<<<<
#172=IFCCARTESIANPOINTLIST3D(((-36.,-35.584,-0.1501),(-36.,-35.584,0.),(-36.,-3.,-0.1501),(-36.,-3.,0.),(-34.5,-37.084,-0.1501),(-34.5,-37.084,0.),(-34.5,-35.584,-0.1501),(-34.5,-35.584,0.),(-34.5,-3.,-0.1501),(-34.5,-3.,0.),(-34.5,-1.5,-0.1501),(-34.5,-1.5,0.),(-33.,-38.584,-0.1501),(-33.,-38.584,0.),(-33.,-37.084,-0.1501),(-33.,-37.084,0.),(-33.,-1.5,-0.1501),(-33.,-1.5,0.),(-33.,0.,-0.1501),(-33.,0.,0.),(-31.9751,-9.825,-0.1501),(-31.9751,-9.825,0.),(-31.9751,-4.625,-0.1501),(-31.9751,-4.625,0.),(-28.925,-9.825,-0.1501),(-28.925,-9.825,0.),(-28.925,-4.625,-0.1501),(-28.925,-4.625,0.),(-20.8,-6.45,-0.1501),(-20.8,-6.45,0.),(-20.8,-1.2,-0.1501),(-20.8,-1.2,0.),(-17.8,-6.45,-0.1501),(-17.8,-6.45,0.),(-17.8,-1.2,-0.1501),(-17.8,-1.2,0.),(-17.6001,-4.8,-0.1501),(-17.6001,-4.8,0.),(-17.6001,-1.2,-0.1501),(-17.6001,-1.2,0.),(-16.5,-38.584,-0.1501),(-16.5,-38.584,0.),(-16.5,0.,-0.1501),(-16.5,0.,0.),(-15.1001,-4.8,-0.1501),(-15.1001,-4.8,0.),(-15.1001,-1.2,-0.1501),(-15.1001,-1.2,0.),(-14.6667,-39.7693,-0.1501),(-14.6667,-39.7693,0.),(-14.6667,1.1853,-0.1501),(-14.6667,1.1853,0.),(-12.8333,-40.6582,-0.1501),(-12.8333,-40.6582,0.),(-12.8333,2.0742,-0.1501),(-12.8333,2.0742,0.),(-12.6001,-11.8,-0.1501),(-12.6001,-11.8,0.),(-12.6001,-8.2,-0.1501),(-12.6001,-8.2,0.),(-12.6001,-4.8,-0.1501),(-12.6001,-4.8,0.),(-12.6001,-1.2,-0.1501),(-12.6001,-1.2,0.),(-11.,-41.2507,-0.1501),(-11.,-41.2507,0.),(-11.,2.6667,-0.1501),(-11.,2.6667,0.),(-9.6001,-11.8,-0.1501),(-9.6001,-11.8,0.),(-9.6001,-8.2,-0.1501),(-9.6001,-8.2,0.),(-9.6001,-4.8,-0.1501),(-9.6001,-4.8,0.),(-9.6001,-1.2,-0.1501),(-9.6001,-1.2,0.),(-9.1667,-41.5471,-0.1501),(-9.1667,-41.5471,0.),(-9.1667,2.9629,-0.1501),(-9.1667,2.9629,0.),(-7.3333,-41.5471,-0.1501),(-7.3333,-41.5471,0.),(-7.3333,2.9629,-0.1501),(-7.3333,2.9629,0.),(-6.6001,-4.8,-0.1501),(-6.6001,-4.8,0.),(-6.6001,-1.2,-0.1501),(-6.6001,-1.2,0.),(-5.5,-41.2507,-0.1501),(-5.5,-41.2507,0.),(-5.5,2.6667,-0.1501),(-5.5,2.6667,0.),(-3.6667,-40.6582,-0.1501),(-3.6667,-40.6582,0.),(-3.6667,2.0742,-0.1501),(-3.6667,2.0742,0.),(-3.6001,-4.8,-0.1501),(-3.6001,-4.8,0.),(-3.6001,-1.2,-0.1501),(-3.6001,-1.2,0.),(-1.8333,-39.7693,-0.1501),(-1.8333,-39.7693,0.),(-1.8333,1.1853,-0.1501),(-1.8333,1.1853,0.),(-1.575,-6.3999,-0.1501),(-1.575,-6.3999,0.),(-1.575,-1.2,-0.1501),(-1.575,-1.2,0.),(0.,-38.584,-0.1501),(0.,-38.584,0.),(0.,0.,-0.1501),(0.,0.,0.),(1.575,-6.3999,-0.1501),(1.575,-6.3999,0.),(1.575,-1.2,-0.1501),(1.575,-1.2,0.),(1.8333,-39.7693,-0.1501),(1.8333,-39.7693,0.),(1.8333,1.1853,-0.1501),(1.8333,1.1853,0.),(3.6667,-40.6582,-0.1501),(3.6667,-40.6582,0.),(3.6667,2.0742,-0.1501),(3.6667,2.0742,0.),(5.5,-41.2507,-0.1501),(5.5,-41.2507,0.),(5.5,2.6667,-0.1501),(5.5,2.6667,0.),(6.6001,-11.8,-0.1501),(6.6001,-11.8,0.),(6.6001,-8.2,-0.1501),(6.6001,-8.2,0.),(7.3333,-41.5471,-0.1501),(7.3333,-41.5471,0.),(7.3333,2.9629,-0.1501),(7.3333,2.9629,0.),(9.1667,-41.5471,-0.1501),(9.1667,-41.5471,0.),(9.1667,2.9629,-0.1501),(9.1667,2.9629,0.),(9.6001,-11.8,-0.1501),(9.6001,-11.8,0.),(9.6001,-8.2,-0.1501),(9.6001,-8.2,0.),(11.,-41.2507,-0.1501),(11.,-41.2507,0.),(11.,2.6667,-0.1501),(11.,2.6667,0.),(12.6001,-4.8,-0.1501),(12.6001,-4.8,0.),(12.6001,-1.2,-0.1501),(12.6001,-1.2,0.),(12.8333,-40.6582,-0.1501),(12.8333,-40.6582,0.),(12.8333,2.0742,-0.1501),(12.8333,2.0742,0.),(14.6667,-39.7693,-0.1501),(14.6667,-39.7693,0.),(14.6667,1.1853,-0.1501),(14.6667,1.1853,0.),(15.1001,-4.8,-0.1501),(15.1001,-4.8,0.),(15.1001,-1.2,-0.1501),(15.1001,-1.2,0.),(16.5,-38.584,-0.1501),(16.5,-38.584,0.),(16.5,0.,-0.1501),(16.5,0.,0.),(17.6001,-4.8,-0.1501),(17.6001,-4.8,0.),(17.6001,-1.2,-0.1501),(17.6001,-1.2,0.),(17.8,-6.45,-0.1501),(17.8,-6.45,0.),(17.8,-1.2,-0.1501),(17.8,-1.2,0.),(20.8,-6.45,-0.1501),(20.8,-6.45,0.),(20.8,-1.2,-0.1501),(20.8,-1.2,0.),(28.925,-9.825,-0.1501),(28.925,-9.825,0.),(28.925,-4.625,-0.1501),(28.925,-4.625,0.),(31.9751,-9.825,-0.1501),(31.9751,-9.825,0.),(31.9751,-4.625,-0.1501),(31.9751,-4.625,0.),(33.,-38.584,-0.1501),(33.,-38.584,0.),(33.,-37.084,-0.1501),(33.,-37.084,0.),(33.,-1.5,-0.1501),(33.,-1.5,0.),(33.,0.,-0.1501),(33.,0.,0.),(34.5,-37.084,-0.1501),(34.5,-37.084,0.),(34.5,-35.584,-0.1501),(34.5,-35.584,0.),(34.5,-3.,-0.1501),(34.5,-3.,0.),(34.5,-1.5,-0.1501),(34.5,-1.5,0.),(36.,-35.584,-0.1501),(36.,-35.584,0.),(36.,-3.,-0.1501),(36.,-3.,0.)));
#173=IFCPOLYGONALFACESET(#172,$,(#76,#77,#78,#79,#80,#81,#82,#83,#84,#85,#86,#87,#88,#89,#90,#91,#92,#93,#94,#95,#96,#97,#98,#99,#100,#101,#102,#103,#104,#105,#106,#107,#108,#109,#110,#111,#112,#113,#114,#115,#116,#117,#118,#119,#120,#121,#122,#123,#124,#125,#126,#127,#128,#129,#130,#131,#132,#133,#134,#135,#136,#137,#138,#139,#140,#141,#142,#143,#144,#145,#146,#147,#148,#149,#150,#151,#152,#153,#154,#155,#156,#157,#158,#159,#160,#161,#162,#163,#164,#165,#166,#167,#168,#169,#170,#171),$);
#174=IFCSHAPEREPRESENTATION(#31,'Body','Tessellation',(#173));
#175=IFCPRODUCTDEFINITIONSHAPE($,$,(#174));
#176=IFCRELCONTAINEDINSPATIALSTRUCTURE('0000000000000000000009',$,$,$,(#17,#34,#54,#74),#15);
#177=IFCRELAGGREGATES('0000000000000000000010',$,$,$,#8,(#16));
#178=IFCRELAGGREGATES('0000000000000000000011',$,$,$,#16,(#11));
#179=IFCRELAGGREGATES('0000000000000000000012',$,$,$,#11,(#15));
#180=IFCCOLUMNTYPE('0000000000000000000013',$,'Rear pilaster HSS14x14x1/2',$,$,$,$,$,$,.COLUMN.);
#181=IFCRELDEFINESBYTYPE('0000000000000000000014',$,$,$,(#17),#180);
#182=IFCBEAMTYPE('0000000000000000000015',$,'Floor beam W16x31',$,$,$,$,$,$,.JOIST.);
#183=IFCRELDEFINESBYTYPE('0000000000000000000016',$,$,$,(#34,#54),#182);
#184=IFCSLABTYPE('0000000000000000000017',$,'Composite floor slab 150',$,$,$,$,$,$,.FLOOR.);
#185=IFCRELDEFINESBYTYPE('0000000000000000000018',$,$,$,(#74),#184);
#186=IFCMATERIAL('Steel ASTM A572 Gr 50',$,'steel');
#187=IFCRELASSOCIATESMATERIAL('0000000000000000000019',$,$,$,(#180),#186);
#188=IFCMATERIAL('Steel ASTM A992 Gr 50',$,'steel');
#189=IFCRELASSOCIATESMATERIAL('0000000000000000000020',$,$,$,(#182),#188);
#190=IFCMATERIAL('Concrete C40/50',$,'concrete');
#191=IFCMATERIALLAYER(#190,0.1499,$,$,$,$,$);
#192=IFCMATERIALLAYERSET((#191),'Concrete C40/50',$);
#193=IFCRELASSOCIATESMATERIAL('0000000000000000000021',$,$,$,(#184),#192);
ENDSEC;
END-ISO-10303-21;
>>>>
<<<<
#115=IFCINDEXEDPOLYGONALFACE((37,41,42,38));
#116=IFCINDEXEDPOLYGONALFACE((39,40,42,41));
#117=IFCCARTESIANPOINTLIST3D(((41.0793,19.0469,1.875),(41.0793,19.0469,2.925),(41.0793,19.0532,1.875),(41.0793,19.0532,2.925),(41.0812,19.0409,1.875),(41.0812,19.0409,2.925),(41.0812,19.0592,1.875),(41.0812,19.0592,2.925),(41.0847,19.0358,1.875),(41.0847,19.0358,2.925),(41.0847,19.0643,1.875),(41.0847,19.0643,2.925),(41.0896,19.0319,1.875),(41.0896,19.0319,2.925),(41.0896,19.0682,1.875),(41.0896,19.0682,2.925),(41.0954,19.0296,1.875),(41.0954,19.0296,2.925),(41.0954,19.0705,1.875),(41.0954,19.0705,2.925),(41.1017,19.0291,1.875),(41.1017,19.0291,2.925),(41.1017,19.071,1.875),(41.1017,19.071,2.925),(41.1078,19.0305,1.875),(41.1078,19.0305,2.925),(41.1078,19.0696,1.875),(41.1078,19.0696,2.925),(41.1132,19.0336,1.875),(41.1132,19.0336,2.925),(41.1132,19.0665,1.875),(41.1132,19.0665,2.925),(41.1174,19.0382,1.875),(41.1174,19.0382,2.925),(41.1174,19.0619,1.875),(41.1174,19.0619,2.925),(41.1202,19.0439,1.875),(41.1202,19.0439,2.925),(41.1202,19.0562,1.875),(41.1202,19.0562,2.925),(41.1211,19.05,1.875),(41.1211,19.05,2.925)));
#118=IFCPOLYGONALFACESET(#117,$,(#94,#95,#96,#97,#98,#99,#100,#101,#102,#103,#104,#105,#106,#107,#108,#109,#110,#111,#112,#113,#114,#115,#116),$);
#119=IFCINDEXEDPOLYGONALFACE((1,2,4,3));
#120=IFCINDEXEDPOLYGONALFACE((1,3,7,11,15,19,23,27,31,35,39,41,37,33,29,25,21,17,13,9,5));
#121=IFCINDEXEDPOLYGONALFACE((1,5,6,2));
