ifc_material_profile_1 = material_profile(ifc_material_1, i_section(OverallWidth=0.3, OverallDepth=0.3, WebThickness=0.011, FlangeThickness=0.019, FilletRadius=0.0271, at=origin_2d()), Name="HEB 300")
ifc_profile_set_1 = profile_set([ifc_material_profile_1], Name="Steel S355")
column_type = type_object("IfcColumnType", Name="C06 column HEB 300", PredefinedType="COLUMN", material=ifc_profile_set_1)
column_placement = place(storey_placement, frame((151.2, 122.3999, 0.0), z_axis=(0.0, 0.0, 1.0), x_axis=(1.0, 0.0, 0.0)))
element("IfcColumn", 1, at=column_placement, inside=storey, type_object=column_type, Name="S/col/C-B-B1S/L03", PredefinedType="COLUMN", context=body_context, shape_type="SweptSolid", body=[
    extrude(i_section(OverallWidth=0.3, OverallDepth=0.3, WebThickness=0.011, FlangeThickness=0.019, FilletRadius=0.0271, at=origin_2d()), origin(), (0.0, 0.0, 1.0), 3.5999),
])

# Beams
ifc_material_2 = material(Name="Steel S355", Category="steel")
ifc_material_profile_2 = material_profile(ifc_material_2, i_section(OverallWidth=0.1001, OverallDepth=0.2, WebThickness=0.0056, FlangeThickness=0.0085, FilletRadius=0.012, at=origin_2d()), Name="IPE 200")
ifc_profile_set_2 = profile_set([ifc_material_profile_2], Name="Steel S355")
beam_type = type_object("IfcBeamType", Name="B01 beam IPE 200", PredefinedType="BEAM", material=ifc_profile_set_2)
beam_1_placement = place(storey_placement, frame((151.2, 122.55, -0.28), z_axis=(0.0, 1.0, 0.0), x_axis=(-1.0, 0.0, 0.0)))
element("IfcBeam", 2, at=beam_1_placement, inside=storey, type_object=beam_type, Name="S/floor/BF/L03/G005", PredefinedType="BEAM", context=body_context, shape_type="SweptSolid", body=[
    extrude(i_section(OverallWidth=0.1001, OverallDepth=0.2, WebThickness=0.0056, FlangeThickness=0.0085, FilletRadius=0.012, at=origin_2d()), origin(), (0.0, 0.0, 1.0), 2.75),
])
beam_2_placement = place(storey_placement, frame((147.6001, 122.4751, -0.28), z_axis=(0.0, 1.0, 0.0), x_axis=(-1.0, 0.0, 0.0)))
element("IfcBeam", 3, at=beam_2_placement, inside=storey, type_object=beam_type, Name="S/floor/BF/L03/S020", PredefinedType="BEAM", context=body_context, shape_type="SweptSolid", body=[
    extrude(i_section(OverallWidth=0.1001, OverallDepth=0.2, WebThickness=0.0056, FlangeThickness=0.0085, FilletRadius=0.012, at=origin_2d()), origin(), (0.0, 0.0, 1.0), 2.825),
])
>>>>
<<<<
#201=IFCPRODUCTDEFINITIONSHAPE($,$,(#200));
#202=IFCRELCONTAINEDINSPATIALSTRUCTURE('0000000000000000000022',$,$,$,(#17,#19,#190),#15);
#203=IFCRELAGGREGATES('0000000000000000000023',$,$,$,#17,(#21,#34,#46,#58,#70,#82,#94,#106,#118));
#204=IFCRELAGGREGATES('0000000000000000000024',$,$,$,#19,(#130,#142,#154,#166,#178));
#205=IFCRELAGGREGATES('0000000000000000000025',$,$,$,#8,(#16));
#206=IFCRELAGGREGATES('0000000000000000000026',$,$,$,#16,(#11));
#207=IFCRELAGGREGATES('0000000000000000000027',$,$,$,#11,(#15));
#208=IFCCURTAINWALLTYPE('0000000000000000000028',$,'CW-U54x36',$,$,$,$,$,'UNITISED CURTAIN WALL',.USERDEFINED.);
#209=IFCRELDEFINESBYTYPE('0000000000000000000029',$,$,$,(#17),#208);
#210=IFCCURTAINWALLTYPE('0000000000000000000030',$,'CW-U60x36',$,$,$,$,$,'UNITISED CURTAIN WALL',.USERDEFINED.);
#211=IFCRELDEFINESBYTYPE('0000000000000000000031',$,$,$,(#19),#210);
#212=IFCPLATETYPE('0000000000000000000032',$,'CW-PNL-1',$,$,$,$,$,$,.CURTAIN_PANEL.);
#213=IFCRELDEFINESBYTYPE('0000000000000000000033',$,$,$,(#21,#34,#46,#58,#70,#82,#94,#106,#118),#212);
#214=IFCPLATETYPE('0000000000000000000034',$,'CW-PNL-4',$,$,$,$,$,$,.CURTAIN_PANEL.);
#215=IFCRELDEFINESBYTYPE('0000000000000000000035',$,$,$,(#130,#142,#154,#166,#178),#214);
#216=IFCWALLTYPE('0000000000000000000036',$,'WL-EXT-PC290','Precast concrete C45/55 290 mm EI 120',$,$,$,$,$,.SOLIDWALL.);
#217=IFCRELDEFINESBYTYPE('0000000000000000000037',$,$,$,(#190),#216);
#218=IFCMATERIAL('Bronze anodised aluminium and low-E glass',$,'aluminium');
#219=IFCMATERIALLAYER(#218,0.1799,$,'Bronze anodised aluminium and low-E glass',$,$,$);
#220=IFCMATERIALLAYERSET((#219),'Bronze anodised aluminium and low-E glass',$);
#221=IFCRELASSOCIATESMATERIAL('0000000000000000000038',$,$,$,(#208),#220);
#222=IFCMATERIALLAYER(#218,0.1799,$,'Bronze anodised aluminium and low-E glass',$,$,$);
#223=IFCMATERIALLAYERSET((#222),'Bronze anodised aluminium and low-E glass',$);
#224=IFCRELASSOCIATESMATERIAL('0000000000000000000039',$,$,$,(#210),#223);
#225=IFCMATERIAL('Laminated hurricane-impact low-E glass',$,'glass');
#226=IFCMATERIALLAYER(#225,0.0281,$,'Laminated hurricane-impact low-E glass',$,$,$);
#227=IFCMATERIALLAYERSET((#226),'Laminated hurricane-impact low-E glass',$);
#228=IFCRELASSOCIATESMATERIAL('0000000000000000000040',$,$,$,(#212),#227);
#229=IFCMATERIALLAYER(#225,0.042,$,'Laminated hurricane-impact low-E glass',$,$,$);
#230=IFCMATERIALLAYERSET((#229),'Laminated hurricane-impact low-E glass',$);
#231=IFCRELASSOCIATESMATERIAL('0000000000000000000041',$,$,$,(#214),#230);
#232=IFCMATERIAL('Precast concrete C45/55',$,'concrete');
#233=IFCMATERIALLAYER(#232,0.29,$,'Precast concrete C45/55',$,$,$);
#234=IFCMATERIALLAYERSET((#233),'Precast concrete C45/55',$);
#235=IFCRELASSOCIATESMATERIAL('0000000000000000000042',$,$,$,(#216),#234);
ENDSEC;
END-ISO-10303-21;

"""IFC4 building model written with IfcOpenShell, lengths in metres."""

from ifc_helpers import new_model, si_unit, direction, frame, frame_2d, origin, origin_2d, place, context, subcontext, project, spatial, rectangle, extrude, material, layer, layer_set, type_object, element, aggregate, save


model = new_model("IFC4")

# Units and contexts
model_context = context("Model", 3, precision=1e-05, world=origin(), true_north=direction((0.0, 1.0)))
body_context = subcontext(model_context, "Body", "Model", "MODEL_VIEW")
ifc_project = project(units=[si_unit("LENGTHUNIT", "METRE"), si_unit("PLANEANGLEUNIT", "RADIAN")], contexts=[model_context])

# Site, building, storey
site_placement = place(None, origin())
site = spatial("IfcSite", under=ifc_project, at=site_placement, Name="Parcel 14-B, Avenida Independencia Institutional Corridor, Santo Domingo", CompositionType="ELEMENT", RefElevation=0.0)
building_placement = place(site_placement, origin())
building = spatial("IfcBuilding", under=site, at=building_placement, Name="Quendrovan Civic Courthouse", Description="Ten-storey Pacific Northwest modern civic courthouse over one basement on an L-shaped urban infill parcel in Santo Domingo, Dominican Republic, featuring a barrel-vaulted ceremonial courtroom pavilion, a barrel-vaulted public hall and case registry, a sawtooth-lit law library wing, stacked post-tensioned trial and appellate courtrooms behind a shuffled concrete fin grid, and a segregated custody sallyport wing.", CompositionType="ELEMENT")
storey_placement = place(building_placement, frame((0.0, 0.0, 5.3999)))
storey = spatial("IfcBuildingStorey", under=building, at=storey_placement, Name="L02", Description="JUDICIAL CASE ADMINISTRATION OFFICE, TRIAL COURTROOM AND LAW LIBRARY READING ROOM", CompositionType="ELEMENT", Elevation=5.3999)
>>>>
▸ Task to carry out
Display each line of the data where "IFCINDEXEDPOLYGONALFACE" occurs.

▸ Solution for this exercise
#115=IFCINDEXEDPOLYGONALFACE((37,41,42,38));
#116=IFCINDEXEDPOLYGONALFACE((39,40,42,41));
#119=IFCINDEXEDPOLYGONALFACE((1,2,4,3));
#120=IFCINDEXEDPOLYGONALFACE((1,3,7,11,15,19,23,27,31,35,39,41,37,33,29,25,21,17,13,9,5));
#121=IFCINDEXEDPOLYGONALFACE((1,5,6,2));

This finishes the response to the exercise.